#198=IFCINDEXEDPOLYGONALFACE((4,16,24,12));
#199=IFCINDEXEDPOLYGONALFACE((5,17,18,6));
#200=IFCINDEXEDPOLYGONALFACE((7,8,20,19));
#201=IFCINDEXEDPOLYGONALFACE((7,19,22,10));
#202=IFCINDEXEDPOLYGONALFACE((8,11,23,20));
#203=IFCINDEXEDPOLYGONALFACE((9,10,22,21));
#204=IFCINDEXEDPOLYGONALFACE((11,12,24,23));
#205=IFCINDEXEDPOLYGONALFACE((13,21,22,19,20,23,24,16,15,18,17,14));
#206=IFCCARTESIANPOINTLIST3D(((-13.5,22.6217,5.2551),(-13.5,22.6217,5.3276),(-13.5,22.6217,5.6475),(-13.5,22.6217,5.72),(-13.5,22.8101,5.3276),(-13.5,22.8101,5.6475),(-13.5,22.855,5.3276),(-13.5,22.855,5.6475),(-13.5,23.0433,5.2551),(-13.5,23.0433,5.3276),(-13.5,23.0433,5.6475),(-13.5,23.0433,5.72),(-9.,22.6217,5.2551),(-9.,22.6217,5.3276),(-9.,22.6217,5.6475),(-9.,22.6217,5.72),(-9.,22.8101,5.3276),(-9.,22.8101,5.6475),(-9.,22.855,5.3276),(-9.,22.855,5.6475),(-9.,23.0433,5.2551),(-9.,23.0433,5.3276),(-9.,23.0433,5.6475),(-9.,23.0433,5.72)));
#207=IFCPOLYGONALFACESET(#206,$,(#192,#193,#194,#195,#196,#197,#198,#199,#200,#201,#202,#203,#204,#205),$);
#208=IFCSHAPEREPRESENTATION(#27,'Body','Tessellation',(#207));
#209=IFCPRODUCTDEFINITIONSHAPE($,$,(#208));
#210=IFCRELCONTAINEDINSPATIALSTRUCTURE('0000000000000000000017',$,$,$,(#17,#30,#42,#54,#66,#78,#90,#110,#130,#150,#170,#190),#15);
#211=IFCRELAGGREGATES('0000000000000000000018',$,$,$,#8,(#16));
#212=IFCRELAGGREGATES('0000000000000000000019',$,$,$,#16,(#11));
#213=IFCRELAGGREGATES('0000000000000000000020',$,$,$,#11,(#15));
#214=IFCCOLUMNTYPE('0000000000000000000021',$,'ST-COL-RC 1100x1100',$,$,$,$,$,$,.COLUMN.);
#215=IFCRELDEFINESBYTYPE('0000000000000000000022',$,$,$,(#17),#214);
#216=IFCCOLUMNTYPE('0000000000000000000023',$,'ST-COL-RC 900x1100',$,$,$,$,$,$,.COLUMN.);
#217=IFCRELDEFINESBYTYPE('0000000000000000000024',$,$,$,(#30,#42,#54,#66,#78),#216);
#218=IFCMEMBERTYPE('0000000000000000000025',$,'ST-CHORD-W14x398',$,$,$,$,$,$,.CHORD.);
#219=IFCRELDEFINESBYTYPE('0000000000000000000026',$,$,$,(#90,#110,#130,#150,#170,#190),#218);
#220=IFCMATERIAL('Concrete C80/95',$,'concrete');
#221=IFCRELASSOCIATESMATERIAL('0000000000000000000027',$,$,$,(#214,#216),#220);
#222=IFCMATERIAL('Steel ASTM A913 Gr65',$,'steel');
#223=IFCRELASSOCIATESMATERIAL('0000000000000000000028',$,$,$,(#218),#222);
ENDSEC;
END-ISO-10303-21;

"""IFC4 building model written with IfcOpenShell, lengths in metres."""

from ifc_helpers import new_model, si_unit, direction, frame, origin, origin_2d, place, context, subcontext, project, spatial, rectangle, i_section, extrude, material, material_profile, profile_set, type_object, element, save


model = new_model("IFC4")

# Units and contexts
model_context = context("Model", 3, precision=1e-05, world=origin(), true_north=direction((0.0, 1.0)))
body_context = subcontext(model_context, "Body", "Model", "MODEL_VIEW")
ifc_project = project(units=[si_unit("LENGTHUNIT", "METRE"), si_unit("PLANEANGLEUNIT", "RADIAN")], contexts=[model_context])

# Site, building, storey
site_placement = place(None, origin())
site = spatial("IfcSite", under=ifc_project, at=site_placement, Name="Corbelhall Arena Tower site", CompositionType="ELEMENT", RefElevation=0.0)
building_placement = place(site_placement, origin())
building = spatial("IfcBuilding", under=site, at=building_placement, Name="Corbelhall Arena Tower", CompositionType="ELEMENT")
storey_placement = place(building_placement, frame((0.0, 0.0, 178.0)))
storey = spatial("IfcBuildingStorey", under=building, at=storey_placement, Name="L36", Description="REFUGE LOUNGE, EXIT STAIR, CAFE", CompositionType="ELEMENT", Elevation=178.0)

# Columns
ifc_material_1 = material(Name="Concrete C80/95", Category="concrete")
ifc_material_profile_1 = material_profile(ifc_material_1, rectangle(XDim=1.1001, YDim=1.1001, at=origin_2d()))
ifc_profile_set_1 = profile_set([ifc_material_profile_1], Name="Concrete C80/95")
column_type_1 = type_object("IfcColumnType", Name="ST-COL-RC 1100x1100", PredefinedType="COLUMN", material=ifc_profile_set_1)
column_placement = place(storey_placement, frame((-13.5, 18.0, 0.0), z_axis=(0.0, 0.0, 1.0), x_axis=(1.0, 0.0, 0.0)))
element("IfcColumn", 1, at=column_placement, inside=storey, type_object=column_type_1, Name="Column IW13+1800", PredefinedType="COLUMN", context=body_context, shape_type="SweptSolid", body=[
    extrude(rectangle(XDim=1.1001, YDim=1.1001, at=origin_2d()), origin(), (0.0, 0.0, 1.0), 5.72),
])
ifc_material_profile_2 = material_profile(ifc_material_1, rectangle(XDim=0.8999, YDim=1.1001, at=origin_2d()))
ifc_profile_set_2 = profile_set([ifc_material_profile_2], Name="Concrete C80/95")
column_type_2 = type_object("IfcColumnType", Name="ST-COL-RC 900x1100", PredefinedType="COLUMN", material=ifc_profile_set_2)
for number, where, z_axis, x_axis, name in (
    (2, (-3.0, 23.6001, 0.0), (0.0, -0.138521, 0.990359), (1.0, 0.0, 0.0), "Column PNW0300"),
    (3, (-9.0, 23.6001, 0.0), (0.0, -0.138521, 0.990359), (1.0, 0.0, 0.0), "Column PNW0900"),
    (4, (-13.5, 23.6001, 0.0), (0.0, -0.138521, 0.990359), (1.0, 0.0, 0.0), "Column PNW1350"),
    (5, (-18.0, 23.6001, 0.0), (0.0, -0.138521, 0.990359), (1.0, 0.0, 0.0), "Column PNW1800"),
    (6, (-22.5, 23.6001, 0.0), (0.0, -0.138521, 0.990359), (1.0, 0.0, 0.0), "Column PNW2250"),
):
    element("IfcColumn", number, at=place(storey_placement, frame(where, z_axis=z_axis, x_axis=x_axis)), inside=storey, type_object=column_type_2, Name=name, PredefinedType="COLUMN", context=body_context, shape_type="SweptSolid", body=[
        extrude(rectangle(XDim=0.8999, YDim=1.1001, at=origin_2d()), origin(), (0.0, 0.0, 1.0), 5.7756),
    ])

* **Work to complete**: If a line contains the word "Concrete", count it; give the total for the entries above and nothing else.

* **Solution to the exercise**: 4